Exactly as they appear below, repeat the lines from the one with "#44=IFCSHAPEREPRESENTATION(#31,'Body','Tessellation',(#43));" through the one with "#55=IFCPOLYGONALFACESET(#54,$,(#48,#49,#50,#51,#52,#53),$);", and no others.

Stored data entries
******

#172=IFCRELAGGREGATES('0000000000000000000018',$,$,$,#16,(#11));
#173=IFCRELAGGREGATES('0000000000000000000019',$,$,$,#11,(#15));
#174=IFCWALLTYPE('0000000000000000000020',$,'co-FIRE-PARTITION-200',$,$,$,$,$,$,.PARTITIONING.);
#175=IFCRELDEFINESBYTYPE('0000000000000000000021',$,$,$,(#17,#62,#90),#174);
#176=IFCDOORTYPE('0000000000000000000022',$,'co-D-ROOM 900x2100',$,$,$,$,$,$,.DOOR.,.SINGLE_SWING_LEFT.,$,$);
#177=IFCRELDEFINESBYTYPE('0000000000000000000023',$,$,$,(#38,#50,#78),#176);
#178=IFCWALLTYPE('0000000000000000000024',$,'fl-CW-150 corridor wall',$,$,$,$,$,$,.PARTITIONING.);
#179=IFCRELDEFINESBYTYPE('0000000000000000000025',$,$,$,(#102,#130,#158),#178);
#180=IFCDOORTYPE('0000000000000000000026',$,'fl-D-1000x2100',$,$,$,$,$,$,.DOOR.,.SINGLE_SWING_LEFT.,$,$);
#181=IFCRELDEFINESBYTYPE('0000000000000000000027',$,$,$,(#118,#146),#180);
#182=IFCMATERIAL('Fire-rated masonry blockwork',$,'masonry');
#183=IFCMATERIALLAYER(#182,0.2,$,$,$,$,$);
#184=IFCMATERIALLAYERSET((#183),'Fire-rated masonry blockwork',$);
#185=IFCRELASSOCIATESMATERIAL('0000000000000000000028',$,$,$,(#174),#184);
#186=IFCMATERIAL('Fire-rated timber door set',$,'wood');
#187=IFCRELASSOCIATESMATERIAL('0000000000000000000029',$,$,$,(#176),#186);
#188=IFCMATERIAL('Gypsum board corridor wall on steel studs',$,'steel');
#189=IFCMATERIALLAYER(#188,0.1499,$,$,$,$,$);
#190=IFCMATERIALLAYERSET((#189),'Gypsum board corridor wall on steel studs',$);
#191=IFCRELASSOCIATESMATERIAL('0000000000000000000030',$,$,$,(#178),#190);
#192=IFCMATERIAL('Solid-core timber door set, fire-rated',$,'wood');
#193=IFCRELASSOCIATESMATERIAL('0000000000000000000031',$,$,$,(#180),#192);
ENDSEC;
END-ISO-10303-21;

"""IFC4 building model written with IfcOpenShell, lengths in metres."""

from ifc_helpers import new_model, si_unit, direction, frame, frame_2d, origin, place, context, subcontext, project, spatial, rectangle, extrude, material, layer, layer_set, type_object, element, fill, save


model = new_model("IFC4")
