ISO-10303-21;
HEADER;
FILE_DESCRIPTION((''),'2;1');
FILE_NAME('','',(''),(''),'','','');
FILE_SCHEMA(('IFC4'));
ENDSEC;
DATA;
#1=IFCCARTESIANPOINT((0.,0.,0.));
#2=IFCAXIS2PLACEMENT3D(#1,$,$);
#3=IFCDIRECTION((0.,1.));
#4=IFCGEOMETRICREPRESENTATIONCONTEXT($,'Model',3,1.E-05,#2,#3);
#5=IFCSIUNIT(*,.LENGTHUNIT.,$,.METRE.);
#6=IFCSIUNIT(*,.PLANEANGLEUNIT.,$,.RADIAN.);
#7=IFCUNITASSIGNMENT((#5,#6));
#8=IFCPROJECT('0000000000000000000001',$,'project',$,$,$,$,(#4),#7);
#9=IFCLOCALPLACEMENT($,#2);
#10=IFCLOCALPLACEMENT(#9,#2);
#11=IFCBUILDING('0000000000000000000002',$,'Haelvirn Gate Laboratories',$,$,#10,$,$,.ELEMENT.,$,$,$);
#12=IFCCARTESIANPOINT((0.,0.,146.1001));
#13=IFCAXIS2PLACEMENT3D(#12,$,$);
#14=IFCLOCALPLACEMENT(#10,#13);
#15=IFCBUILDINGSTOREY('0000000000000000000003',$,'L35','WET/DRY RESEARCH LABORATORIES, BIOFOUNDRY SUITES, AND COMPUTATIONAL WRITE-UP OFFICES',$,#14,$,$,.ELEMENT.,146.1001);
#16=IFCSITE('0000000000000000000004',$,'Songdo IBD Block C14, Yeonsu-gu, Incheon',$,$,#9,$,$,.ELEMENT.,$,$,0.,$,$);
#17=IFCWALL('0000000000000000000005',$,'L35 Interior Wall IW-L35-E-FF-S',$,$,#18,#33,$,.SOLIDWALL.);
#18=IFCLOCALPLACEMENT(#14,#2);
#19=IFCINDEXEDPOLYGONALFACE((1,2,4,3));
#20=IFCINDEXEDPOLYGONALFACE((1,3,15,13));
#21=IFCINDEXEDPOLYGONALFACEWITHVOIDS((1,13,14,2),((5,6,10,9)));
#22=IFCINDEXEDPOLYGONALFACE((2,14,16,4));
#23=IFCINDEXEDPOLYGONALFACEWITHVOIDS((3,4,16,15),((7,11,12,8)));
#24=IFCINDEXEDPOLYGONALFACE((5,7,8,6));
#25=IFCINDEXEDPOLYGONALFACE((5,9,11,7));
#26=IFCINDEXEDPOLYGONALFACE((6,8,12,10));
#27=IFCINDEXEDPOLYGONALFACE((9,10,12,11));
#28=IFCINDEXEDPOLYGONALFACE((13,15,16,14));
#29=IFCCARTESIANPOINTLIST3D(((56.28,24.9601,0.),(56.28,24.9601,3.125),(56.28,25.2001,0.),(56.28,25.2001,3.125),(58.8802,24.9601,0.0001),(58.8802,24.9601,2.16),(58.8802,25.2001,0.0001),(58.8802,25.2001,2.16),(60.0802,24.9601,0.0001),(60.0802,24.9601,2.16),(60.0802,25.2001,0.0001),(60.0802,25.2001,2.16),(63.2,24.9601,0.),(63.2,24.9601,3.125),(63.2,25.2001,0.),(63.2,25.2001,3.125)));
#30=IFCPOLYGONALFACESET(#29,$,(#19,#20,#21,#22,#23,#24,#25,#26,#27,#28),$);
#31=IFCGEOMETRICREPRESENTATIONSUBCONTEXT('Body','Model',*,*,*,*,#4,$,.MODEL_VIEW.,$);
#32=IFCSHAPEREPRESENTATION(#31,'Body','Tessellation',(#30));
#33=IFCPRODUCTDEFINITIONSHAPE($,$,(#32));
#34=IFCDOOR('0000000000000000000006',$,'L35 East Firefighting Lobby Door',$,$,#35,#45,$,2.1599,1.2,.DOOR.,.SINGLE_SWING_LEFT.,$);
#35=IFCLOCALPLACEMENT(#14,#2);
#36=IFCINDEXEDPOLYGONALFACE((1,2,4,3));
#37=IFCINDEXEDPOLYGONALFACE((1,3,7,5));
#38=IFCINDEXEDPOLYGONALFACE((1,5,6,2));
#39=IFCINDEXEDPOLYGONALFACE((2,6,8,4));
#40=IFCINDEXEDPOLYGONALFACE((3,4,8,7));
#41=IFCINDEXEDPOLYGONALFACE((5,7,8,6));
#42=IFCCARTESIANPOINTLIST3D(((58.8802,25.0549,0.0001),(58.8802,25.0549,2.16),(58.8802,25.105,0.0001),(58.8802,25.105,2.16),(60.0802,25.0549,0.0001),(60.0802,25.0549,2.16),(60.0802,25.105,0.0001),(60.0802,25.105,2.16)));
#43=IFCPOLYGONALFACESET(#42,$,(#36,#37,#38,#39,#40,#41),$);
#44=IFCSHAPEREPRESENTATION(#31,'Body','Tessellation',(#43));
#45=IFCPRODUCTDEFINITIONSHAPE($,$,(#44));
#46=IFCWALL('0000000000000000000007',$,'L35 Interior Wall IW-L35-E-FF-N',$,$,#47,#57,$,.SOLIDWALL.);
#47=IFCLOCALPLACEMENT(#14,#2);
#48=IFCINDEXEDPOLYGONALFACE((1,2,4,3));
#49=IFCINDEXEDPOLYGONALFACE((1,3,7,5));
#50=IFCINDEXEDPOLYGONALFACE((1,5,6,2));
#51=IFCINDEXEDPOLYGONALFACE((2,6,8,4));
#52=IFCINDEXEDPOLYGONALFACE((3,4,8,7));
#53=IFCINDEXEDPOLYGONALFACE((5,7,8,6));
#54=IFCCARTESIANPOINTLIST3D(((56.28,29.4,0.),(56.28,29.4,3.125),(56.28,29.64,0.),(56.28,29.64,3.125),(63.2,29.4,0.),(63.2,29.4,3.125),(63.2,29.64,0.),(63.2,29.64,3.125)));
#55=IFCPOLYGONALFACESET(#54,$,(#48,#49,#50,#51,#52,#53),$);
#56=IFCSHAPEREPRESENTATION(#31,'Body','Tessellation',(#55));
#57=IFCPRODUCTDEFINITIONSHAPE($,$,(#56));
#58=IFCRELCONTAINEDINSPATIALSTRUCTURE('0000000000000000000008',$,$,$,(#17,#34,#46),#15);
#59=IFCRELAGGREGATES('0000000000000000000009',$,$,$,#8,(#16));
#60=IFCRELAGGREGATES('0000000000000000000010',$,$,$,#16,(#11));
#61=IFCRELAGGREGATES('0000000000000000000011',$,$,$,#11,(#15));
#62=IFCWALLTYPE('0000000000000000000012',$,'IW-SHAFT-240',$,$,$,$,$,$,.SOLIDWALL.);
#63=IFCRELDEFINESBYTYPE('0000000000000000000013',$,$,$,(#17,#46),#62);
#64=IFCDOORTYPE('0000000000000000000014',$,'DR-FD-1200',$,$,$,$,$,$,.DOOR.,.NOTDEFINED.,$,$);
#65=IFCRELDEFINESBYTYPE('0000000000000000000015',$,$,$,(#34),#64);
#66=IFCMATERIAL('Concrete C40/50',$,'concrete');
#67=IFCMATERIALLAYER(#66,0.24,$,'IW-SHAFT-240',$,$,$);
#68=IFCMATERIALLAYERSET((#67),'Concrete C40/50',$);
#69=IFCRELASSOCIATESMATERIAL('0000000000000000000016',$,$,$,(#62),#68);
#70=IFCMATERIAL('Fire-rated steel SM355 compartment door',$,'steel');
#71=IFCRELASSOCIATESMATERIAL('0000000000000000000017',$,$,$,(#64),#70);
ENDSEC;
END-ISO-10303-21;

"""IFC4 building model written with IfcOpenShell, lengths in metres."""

from ifc_helpers import new_model, si_unit, direction, frame, frame_2d, origin, place, context, subcontext, project, spatial, rectangle, extrude, source, transform, mapped, material, layer, layer_set, type_object, type_shapes, element, fill, save


model = new_model("IFC4")

# Units and contexts
model_context = context("Model", 3, precision=1e-05, world=origin(), true_north=direction((0.0, 1.0)))
body_context = subcontext(model_context, "Body", "Model", "MODEL_VIEW")
ifc_project = project(units=[si_unit("LENGTHUNIT", "METRE"), si_unit("PLANEANGLEUNIT", "RADIAN")], contexts=[model_context])

# Site, building, storey
site_placement = place(None, origin())
site = spatial("IfcSite", under=ifc_project, at=site_placement, Name="Songdo IBD Block C14, Yeonsu-gu, Incheon", CompositionType="ELEMENT", RefElevation=0.0)
building_placement = place(site_placement, origin())
building = spatial("IfcBuilding", under=site, at=building_placement, Name="Haelvirn Gate Laboratories", CompositionType="ELEMENT")
storey_placement = place(building_placement, frame((0.0, 0.0, 146.1001)))
storey = spatial("IfcBuildingStorey", under=building, at=storey_placement, Name="L35", Description="WET/DRY RESEARCH LABORATORIES, BIOFOUNDRY SUITES, AND COMPUTATIONAL WRITE-UP OFFICES", CompositionType="ELEMENT", Elevation=146.1001)

# Shared definitions
ifc_material_1 = material(Name="Concrete C40/50", Category="concrete")

# Wall, opening, door
ifc_layer_1 = layer(ifc_material_1, 0.24, Name="IW-SHAFT-240")
ifc_layer_set_1 = layer_set([ifc_layer_1], Name="Concrete C40/50")
wall_type_1 = type_object("IfcWallType", Name="IW-SHAFT-240", PredefinedType="SOLIDWALL", material=ifc_layer_set_1)
wall_1_placement = place(storey_placement, frame((56.28, 25.0801, 0.0), z_axis=(0.0, 0.0, 1.0), x_axis=(1.0, 0.0, 0.0)))
wall_1 = element("IfcWall", 1, at=wall_1_placement, inside=storey, type_object=wall_type_1, Name="L35 Interior Wall IW-L35-E-FF-S", PredefinedType="SOLIDWALL", context=body_context, shape_type="SweptSolid", body=[
    extrude(rectangle(XDim=6.9199, YDim=0.24, at=frame_2d((3.46, 0.0))), origin(), (0.0, 0.0, 1.0), 3.125),
])
opening_1_placement = place(wall_1_placement, frame((2.6001, 0.0, 0.0)))
opening_1 = element("IfcOpeningElement", 2, at=opening_1_placement, cuts=wall_1, PredefinedType="OPENING", context=body_context, shape_type="SweptSolid", body=[
    extrude(rectangle(XDim=1.2, YDim=2.1599, at=frame_2d((0.6001, 1.0801))), frame((0.0, 0.1299, 0.0), z_axis=(0.0, -1.0, 0.0), x_axis=(1.0, 0.0, 0.0)), (0.0, 0.0, 1.0), 0.26),
])
ifc_material_2 = material(Name="Fire-rated steel SM355 compartment door", Category="steel")
door_type_1 = type_object("IfcDoorType", Name="DR-FD-1200", OperationType="NOTDEFINED", PredefinedType="DOOR", material=ifc_material_2)
shared_shape_1 = source(origin(), body_context, "Body", "SweptSolid", [
    extrude(rectangle(XDim=1.2, YDim=2.1599, at=frame_2d((0.6001, 1.0801))), frame((0.0, 0.0249, 0.0), z_axis=(0.0, -1.0, 0.0), x_axis=(1.0, 0.0, 0.0)), (0.0, 0.0, 1.0), 0.05),
])
type_shapes(door_type_1, [shared_shape_1])
door_1_placement = place(opening_1_placement, origin())
door_1 = element("IfcDoor", 3, at=door_1_placement, inside=storey, type_object=door_type_1, Name="L35 East Firefighting Lobby Door", OperationType="SINGLE_SWING_LEFT", OverallHeight=2.1599, OverallWidth=1.2, PredefinedType="DOOR", context=body_context, shape_type="MappedRepresentation", body=[
    mapped(shared_shape_1, transform((0.0, 0.0, 0.0), scale=1.0)),
])
fill(opening_1, door_1)

# Wall
wall_2_placement = place(storey_placement, frame((56.28, 29.52, 0.0), z_axis=(0.0, 0.0, 1.0), x_axis=(1.0, 0.0, 0.0)))
element("IfcWall", 4, at=wall_2_placement, inside=storey, type_object=wall_type_1, Name="L35 Interior Wall IW-L35-E-FF-N", PredefinedType="SOLIDWALL", context=body_context, shape_type="SweptSolid", body=[
    extrude(rectangle(XDim=6.9199, YDim=0.24, at=frame_2d((3.46, 0.0))), origin(), (0.0, 0.0, 1.0), 3.125),
])

save(model, "model.ifc")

******

Solution
#44=IFCSHAPEREPRESENTATION(#31,'Body','Tessellation',(#43));
#45=IFCPRODUCTDEFINITIONSHAPE($,$,(#44));
#46=IFCWALL('0000000000000000000007',$,'L35 Interior Wall IW-L35-E-FF-N',$,$,#47,#57,$,.SOLIDWALL.);
#47=IFCLOCALPLACEMENT(#14,#2);
#48=IFCINDEXEDPOLYGONALFACE((1,2,4,3));
#49=IFCINDEXEDPOLYGONALFACE((1,3,7,5));
#50=IFCINDEXEDPOLYGONALFACE((1,5,6,2));
#51=IFCINDEXEDPOLYGONALFACE((2,6,8,4));
#52=IFCINDEXEDPOLYGONALFACE((3,4,8,7));
#53=IFCINDEXEDPOLYGONALFACE((5,7,8,6));
#54=IFCCARTESIANPOINTLIST3D(((56.28,29.4,0.),(56.28,29.4,3.125),(56.28,29.64,0.),(56.28,29.64,3.125),(63.2,29.4,0.),(63.2,29.4,3.125),(63.2,29.64,0.),(63.2,29.64,3.125)));
#55=IFCPOLYGONALFACESET(#54,$,(#48,#49,#50,#51,#52,#53),$);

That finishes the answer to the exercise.